▸ MATERIAL FOR THIS EXERCISE
◆ ◆ ◆ ◆ ◆

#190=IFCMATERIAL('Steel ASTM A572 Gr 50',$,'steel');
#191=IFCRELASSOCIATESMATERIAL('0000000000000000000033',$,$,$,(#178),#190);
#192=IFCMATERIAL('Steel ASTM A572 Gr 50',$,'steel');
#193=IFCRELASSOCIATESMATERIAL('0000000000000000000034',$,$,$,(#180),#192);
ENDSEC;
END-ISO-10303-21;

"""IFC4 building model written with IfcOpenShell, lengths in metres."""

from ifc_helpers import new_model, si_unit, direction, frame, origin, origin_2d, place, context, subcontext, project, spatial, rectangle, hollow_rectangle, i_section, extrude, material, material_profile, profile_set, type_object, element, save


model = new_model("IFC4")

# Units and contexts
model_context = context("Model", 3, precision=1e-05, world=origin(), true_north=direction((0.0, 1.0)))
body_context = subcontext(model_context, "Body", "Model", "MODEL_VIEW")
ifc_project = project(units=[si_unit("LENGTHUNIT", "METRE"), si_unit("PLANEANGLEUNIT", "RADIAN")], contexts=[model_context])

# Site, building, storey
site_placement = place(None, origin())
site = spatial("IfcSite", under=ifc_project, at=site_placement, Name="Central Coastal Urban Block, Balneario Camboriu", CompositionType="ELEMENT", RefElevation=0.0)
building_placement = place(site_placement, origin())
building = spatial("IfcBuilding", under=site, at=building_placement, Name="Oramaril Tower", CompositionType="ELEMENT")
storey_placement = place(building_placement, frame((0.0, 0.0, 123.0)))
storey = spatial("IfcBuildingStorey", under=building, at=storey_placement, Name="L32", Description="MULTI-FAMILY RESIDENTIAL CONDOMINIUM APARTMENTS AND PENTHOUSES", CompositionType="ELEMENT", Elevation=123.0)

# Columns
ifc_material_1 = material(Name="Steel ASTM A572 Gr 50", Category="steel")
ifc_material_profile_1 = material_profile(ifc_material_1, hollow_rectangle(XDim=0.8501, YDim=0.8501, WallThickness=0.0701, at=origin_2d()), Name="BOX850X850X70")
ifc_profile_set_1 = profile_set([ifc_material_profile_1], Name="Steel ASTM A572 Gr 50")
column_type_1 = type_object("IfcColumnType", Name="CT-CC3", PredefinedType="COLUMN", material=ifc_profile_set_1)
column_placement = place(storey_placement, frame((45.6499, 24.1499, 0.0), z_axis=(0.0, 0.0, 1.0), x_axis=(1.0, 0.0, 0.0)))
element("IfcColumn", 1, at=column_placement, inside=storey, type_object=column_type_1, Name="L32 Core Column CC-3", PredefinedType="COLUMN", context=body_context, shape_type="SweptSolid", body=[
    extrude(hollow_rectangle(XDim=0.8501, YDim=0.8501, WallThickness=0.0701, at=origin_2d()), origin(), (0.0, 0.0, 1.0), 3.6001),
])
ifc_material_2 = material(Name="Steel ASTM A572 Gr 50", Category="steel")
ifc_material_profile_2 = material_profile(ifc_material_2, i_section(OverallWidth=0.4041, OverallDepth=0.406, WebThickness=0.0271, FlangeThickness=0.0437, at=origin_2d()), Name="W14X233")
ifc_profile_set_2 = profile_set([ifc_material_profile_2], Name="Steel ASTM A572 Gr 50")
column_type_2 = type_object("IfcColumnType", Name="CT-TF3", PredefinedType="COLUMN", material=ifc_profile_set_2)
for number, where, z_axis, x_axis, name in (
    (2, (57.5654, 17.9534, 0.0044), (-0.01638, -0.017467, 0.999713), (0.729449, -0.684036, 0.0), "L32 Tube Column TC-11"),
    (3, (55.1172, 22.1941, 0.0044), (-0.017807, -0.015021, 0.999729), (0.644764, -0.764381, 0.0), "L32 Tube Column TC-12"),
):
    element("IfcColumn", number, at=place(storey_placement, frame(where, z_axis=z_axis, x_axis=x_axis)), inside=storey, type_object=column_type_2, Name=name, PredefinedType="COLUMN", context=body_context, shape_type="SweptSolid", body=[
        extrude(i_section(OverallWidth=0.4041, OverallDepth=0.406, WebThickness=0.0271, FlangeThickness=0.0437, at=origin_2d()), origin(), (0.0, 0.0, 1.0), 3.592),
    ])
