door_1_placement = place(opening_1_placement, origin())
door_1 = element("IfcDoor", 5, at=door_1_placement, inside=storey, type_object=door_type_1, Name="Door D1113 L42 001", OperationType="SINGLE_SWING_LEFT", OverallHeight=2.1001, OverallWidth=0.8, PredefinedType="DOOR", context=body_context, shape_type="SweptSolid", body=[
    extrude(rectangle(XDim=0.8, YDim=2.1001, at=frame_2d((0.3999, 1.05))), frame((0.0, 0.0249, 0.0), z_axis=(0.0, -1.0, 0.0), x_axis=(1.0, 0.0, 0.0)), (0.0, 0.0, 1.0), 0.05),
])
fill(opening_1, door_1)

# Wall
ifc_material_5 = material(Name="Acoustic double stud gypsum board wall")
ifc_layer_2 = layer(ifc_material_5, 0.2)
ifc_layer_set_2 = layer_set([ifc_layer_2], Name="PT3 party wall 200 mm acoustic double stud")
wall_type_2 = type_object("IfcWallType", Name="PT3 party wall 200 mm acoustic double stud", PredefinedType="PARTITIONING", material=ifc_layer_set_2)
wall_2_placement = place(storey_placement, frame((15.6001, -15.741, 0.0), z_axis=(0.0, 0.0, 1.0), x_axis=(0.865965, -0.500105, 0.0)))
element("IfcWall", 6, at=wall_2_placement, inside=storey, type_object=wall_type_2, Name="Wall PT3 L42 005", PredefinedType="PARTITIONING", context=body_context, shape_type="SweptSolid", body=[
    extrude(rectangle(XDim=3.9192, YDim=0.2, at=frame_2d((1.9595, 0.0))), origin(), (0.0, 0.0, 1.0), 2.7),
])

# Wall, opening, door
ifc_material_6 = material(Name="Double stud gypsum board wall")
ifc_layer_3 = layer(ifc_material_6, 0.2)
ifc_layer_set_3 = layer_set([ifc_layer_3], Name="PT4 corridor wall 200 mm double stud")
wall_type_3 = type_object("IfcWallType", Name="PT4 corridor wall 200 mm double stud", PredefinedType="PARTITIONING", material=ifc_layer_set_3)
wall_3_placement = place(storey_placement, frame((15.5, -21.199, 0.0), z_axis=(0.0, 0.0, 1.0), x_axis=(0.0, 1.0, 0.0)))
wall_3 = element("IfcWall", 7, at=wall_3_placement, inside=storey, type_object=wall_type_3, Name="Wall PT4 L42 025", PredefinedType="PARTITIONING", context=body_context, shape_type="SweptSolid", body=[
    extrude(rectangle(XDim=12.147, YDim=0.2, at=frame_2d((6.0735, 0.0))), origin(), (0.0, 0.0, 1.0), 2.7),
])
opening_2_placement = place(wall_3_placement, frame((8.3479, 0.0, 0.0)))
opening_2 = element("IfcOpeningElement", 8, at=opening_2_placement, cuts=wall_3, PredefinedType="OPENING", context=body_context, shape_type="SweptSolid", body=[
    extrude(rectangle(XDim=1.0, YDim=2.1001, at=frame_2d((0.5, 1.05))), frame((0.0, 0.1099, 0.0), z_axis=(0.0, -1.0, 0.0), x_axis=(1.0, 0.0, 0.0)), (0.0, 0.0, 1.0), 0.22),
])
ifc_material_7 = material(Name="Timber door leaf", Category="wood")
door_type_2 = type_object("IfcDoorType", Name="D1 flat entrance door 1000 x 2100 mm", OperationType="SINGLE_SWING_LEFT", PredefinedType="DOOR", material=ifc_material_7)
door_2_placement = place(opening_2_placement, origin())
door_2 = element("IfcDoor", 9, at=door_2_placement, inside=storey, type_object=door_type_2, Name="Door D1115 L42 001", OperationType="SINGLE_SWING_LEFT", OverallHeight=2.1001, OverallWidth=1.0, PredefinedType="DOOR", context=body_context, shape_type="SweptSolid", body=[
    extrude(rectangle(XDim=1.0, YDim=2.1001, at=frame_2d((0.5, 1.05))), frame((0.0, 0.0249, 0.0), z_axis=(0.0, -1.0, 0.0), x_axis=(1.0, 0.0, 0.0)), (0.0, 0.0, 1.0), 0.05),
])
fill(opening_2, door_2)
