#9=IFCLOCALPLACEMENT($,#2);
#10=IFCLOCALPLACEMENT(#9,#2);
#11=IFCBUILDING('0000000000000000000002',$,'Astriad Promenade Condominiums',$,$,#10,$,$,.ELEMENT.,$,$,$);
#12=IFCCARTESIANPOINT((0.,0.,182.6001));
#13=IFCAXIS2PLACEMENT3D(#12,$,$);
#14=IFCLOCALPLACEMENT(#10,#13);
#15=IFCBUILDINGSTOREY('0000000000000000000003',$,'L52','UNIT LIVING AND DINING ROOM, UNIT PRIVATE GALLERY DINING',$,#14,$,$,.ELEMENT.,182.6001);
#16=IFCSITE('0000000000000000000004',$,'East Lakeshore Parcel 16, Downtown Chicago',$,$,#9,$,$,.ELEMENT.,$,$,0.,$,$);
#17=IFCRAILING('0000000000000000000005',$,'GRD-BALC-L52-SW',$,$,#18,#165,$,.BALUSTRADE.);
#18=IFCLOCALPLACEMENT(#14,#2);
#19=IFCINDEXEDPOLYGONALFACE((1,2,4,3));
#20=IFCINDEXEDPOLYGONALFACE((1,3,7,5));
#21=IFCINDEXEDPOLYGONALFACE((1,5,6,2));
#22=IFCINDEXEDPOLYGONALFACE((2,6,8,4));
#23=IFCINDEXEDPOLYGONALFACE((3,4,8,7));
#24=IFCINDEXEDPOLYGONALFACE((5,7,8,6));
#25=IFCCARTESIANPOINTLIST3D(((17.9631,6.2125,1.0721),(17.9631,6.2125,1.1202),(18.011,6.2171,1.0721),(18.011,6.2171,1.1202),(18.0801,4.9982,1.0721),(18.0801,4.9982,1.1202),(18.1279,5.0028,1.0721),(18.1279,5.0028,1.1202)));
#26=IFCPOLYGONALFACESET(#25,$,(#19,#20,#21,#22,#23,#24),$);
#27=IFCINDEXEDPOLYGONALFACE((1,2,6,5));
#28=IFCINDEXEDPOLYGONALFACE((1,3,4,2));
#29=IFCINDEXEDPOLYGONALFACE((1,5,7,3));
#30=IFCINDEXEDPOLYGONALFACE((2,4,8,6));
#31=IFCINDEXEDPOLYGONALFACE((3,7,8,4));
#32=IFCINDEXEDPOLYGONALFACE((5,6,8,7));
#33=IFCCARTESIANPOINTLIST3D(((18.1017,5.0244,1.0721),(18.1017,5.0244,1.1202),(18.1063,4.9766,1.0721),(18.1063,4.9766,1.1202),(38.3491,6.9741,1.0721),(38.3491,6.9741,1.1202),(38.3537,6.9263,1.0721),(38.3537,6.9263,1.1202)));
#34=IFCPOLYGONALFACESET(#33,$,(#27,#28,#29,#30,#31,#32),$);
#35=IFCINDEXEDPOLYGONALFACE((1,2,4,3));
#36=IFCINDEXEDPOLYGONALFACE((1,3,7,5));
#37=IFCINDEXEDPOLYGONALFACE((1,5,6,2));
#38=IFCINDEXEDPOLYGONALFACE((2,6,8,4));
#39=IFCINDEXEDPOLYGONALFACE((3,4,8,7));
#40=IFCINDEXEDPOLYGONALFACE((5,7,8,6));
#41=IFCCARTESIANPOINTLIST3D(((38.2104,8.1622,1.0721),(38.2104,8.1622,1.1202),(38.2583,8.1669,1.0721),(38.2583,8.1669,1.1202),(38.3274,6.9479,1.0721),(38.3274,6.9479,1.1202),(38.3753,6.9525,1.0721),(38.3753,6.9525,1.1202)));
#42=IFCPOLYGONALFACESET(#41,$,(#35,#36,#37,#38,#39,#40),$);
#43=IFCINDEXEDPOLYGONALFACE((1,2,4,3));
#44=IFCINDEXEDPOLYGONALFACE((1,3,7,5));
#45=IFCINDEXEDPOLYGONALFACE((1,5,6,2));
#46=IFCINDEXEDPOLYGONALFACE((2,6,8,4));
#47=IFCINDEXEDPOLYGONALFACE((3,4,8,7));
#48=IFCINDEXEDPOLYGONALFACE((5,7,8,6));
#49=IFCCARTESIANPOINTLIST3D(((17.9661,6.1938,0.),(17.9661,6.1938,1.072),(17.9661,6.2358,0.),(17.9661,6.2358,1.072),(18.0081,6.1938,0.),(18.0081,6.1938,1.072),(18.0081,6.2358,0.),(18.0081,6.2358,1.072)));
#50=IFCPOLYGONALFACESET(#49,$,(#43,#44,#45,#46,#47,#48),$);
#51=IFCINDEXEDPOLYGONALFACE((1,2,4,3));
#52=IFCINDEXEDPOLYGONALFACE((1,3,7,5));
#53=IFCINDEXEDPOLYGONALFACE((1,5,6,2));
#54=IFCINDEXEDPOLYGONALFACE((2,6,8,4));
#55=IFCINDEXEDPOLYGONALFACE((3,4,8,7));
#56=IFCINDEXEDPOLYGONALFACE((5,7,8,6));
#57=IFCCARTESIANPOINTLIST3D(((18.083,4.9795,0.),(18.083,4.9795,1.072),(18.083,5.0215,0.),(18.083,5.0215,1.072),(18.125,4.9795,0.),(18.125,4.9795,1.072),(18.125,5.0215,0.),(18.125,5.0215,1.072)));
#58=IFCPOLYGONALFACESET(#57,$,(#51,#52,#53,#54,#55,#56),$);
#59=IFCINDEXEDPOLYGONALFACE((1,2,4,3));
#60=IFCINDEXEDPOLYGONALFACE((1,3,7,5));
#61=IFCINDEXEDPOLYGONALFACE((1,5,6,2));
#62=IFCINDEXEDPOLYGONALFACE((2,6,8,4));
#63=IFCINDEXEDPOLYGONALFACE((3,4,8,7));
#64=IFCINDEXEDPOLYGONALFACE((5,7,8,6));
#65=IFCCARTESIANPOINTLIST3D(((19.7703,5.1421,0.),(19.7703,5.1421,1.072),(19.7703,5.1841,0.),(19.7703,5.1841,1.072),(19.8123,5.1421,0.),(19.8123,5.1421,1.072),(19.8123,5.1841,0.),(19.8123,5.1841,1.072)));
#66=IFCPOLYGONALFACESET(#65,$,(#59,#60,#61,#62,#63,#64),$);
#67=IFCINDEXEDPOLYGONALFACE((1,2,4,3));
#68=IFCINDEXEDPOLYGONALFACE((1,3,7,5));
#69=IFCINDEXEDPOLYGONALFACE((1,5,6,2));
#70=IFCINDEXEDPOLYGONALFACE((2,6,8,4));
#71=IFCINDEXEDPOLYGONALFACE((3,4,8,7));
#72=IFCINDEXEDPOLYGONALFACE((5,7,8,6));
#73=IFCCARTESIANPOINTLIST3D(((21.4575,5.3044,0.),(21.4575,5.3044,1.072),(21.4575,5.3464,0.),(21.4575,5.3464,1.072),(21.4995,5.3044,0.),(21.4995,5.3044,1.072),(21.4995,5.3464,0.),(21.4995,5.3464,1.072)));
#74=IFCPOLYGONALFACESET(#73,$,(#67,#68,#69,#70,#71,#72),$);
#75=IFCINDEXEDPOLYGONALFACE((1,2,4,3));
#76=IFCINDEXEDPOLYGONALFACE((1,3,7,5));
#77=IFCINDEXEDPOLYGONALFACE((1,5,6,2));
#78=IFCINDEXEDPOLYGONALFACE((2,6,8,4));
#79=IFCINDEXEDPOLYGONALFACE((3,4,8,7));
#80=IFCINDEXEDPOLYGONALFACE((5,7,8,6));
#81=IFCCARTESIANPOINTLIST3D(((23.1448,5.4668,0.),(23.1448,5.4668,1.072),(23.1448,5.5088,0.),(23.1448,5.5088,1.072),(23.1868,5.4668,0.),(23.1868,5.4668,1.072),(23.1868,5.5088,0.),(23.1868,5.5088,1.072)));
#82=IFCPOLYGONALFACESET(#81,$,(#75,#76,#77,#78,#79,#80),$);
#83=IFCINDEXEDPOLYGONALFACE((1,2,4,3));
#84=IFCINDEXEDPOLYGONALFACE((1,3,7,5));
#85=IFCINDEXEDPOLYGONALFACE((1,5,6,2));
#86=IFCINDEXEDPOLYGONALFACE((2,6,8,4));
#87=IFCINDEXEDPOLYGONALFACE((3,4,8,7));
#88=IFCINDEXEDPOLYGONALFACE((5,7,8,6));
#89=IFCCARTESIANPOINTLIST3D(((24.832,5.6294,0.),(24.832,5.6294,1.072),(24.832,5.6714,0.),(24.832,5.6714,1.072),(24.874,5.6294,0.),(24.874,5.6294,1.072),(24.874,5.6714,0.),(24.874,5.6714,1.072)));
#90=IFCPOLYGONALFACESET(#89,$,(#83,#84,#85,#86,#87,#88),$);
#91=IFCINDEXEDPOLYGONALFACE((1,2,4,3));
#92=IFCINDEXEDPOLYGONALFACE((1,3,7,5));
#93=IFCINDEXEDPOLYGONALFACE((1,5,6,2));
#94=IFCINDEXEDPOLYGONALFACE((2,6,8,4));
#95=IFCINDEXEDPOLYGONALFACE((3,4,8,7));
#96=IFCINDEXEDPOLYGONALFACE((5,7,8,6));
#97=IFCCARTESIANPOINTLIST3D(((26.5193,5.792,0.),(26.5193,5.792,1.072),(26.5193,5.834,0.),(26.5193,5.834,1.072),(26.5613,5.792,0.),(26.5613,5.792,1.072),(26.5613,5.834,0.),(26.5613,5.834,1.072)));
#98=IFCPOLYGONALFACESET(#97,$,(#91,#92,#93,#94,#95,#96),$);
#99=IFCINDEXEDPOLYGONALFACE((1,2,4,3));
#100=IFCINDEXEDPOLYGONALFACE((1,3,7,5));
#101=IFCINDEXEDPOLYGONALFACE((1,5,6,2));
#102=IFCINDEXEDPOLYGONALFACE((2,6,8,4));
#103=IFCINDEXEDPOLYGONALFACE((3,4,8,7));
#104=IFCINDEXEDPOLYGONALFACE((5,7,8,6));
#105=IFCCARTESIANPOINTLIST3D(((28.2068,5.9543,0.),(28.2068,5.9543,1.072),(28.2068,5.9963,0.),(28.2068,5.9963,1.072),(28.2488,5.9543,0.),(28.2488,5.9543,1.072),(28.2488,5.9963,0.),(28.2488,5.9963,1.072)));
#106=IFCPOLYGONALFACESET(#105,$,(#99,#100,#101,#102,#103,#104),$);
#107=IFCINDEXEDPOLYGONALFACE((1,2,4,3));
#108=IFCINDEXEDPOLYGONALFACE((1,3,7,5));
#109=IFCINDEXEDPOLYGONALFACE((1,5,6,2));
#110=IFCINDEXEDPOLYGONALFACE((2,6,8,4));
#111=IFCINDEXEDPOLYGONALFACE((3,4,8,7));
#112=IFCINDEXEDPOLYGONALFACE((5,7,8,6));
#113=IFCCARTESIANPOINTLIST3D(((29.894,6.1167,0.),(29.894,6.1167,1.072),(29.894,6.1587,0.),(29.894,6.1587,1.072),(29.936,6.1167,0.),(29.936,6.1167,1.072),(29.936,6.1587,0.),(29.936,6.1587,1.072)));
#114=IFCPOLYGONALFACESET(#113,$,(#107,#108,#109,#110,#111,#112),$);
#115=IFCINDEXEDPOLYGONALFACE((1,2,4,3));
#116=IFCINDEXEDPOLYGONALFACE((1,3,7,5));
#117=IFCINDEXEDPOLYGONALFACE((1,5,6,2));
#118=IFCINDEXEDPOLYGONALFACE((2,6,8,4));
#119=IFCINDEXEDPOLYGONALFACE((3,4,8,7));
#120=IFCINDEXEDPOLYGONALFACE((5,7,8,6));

◆ ◆ ◆ ◆ ◆

When the word "fill" turns up on a line of the material above, copy that line.

▸ TASK RESULT
fill(opening_1, door_1)
fill(opening_2, door_2)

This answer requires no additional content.